Content starts

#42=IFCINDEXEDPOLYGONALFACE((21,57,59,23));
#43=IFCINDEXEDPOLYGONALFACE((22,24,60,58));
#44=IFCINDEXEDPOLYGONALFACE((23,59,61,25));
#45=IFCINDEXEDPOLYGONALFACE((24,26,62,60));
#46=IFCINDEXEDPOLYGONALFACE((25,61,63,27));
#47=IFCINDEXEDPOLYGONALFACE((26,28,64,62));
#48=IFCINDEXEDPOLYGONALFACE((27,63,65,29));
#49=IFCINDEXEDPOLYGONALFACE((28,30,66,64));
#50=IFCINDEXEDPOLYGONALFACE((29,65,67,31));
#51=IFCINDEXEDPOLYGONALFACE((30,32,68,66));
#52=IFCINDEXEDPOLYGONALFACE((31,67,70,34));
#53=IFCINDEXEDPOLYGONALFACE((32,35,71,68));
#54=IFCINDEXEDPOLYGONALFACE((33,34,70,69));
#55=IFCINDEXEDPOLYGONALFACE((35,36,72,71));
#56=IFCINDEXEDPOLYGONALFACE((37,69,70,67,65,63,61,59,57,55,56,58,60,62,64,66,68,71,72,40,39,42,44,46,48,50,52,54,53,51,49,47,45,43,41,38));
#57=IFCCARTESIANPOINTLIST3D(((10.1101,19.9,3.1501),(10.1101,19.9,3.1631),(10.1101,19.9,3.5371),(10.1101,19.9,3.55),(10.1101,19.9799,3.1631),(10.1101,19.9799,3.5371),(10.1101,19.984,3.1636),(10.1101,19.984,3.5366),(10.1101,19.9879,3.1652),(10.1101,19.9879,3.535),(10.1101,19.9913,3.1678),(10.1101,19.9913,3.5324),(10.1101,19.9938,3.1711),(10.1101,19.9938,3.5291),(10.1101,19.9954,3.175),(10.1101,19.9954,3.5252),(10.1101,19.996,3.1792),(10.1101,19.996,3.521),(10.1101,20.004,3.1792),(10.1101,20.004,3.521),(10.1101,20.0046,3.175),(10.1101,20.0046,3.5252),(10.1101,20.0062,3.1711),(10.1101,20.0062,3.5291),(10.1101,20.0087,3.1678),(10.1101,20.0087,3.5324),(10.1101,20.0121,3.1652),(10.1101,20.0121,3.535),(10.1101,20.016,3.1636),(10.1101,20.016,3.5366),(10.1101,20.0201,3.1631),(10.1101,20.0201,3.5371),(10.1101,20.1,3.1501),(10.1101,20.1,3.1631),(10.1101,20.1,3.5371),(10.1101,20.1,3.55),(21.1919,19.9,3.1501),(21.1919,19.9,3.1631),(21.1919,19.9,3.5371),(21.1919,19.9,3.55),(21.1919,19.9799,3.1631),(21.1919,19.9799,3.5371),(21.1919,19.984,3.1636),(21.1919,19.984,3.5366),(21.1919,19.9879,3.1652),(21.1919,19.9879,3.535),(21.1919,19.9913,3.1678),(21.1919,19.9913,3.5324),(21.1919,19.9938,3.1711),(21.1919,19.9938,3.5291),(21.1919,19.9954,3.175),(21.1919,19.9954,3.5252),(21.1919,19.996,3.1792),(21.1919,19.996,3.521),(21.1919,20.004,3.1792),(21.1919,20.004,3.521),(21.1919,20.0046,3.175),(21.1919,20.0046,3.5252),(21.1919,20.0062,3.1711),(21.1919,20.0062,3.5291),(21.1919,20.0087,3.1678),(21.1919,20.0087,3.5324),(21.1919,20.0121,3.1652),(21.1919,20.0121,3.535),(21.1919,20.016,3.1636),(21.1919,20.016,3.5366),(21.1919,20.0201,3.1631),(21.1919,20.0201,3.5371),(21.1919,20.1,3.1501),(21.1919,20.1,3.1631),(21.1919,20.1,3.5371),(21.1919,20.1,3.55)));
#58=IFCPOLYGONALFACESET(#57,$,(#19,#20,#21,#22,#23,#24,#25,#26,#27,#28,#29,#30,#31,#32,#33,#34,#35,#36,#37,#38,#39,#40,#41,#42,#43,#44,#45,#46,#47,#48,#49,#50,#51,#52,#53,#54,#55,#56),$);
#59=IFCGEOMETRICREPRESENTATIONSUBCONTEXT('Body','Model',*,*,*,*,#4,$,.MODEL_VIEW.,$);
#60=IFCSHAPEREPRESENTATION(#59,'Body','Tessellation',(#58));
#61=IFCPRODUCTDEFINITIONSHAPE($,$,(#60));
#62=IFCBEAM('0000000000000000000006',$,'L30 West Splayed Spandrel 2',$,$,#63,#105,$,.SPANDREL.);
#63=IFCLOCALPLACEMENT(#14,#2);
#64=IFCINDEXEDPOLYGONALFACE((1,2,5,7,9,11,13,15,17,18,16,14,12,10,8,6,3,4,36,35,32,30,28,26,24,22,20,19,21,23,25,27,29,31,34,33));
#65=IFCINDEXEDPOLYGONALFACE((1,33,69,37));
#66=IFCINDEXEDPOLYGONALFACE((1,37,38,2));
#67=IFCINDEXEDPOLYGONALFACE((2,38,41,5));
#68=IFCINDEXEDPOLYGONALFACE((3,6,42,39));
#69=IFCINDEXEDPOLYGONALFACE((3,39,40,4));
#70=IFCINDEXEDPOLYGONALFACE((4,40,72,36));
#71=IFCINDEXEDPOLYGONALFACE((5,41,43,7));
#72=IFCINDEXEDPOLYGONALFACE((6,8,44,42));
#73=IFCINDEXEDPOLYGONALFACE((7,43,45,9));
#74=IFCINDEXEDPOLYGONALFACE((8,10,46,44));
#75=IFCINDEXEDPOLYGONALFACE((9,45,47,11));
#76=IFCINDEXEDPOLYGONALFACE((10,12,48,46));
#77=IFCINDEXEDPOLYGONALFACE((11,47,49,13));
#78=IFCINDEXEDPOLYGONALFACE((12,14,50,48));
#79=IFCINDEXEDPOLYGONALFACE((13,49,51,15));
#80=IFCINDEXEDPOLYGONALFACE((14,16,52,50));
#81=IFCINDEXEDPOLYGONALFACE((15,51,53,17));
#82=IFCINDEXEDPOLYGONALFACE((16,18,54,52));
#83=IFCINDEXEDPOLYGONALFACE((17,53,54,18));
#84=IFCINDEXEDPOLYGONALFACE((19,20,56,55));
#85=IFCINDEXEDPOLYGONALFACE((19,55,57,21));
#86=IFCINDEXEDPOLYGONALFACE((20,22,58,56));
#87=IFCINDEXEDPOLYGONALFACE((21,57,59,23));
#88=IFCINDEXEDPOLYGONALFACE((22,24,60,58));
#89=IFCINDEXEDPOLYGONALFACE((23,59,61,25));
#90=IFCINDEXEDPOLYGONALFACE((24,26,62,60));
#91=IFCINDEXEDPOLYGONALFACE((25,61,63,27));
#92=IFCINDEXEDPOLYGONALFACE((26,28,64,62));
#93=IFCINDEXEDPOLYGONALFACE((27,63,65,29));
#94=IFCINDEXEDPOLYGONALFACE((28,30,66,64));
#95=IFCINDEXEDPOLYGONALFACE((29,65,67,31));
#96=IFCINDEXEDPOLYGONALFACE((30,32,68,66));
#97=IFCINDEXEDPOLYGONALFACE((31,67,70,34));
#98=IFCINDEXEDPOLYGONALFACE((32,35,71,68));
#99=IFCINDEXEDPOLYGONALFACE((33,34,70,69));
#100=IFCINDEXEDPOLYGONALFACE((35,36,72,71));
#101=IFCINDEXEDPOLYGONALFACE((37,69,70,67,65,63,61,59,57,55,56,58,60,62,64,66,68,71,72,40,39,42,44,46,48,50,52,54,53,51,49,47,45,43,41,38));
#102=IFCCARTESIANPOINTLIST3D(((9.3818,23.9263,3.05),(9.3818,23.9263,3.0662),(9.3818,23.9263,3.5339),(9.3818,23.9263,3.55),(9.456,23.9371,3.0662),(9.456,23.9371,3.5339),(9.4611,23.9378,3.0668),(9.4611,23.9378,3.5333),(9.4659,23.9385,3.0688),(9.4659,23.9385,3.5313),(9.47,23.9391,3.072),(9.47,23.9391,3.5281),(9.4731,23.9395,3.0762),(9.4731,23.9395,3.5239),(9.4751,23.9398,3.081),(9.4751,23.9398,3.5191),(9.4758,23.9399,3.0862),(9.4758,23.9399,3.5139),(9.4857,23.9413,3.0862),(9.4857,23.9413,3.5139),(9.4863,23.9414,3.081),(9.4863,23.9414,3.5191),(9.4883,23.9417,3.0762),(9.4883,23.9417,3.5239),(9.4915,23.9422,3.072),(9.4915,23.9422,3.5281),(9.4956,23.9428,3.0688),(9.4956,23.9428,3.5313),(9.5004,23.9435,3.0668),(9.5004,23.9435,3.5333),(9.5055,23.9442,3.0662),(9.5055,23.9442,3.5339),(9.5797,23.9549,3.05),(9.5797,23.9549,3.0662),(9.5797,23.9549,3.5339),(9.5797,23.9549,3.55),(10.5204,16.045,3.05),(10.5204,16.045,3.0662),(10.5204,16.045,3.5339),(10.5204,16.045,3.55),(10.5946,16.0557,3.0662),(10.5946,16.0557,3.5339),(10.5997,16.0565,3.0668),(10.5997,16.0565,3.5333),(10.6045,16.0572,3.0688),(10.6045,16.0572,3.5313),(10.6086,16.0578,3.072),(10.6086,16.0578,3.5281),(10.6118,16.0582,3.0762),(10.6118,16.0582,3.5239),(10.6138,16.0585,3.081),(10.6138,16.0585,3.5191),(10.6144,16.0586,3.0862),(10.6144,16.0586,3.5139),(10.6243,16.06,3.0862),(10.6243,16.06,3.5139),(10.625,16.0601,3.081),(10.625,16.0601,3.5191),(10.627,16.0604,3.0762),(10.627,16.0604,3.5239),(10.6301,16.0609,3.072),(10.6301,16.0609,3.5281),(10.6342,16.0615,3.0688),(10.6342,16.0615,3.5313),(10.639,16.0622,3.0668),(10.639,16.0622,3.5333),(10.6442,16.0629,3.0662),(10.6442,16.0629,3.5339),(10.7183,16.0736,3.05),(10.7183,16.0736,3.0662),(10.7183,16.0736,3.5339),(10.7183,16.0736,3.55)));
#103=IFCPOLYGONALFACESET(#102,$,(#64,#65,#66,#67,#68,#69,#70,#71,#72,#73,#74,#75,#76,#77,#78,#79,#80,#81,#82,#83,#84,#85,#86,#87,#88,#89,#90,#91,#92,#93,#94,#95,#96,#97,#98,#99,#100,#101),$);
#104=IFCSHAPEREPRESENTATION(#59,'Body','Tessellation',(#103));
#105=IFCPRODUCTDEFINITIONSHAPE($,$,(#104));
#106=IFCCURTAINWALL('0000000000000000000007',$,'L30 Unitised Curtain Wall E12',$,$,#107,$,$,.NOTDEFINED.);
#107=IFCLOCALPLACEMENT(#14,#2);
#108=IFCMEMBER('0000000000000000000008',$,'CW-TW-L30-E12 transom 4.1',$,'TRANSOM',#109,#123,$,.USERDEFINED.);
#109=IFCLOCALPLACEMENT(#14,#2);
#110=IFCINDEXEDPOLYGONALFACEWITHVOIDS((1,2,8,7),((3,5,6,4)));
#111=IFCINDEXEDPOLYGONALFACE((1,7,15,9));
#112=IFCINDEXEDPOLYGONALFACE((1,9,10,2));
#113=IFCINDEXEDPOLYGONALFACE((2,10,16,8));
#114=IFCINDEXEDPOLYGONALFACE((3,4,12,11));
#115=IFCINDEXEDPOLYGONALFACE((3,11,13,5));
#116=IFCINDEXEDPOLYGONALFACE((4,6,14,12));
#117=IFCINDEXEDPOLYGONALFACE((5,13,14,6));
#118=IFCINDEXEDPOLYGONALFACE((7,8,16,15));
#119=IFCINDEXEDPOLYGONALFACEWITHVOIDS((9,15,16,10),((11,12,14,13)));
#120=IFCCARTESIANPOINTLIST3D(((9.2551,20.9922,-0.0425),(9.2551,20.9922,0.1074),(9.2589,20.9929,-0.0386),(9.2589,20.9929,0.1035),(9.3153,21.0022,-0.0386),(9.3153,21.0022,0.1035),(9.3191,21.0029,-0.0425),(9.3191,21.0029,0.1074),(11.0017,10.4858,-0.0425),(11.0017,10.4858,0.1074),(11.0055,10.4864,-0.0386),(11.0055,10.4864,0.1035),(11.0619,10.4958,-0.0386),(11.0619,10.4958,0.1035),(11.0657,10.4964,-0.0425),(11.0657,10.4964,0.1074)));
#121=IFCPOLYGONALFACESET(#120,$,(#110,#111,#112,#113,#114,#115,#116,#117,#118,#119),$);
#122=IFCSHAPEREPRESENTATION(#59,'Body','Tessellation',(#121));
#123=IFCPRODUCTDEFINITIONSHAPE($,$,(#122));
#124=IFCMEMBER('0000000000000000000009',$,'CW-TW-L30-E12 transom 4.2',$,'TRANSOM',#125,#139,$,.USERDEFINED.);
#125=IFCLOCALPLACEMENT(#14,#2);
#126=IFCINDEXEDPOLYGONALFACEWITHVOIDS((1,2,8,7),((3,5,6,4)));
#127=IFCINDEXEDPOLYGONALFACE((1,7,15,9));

Content ends

### [What is required]
Using the material above, tally each line where the word "transom" appears. Reply with the total only.

### [Exercise answer]
2